Could you write out all of the data again, word for word?

*** Block opens ***

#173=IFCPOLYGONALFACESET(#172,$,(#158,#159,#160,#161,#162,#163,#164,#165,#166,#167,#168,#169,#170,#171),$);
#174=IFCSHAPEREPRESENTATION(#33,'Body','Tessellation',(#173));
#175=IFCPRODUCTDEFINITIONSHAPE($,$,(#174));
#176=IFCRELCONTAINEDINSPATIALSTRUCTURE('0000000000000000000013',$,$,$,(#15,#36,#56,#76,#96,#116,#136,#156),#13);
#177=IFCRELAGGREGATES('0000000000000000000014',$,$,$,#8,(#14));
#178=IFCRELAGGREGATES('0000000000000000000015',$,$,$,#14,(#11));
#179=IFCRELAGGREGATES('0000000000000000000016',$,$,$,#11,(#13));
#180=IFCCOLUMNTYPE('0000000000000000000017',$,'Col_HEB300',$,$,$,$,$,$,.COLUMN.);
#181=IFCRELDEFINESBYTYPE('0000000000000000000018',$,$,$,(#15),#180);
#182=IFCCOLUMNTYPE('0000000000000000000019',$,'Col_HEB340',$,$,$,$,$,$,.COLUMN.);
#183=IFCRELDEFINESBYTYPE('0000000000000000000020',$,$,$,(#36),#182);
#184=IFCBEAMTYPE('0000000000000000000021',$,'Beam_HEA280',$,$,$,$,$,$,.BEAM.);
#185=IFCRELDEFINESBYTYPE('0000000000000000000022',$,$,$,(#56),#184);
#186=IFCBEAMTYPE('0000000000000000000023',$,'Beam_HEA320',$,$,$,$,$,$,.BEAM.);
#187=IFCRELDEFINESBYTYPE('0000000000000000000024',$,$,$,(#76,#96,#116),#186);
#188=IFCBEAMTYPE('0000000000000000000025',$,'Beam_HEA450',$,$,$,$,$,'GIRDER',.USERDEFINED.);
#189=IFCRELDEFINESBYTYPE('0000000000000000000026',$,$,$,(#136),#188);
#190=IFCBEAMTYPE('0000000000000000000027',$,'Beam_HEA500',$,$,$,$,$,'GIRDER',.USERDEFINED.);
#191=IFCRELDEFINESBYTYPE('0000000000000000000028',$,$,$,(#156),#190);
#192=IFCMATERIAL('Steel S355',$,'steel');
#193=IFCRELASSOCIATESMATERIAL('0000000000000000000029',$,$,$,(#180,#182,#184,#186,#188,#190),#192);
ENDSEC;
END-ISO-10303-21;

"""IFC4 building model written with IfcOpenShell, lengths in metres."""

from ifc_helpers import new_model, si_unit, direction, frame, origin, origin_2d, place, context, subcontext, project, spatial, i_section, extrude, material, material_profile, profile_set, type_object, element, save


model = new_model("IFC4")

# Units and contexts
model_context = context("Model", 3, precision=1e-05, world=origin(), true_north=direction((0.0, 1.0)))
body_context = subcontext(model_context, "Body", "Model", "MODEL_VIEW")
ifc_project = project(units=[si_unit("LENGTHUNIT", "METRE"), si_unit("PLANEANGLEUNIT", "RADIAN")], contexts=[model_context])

*** Block closes ***

● THE COMPLETED TASK
#173=IFCPOLYGONALFACESET(#172,$,(#158,#159,#160,#161,#162,#163,#164,#165,#166,#167,#168,#169,#170,#171),$);
#174=IFCSHAPEREPRESENTATION(#33,'Body','Tessellation',(#173));
#175=IFCPRODUCTDEFINITIONSHAPE($,$,(#174));
#176=IFCRELCONTAINEDINSPATIALSTRUCTURE('0000000000000000000013',$,$,$,(#15,#36,#56,#76,#96,#116,#136,#156),#13);
#177=IFCRELAGGREGATES('0000000000000000000014',$,$,$,#8,(#14));
#178=IFCRELAGGREGATES('0000000000000000000015',$,$,$,#14,(#11));
#179=IFCRELAGGREGATES('0000000000000000000016',$,$,$,#11,(#13));
#180=IFCCOLUMNTYPE('0000000000000000000017',$,'Col_HEB300',$,$,$,$,$,$,.COLUMN.);
#181=IFCRELDEFINESBYTYPE('0000000000000000000018',$,$,$,(#15),#180);
#182=IFCCOLUMNTYPE('0000000000000000000019',$,'Col_HEB340',$,$,$,$,$,$,.COLUMN.);
#183=IFCRELDEFINESBYTYPE('0000000000000000000020',$,$,$,(#36),#182);
#184=IFCBEAMTYPE('0000000000000000000021',$,'Beam_HEA280',$,$,$,$,$,$,.BEAM.);
#185=IFCRELDEFINESBYTYPE('0000000000000000000022',$,$,$,(#56),#184);
#186=IFCBEAMTYPE('0000000000000000000023',$,'Beam_HEA320',$,$,$,$,$,$,.BEAM.);
#187=IFCRELDEFINESBYTYPE('0000000000000000000024',$,$,$,(#76,#96,#116),#186);
#188=IFCBEAMTYPE('0000000000000000000025',$,'Beam_HEA450',$,$,$,$,$,'GIRDER',.USERDEFINED.);
#189=IFCRELDEFINESBYTYPE('0000000000000000000026',$,$,$,(#136),#188);
#190=IFCBEAMTYPE('0000000000000000000027',$,'Beam_HEA500',$,$,$,$,$,'GIRDER',.USERDEFINED.);
#191=IFCRELDEFINESBYTYPE('0000000000000000000028',$,$,$,(#156),#190);
#192=IFCMATERIAL('Steel S355',$,'steel');
#193=IFCRELASSOCIATESMATERIAL('0000000000000000000029',$,$,$,(#180,#182,#184,#186,#188,#190),#192);
ENDSEC;
END-ISO-10303-21;

"""IFC4 building model written with IfcOpenShell, lengths in metres."""

from ifc_helpers import new_model, si_unit, direction, frame, origin, origin_2d, place, context, subcontext, project, spatial, i_section, extrude, material, material_profile, profile_set, type_object, element, save


model = new_model("IFC4")

# Units and contexts
model_context = context("Model", 3, precision=1e-05, world=origin(), true_north=direction((0.0, 1.0)))
body_context = subcontext(model_context, "Body", "Model", "MODEL_VIEW")
ifc_project = project(units=[si_unit("LENGTHUNIT", "METRE"), si_unit("PLANEANGLEUNIT", "RADIAN")], contexts=[model_context])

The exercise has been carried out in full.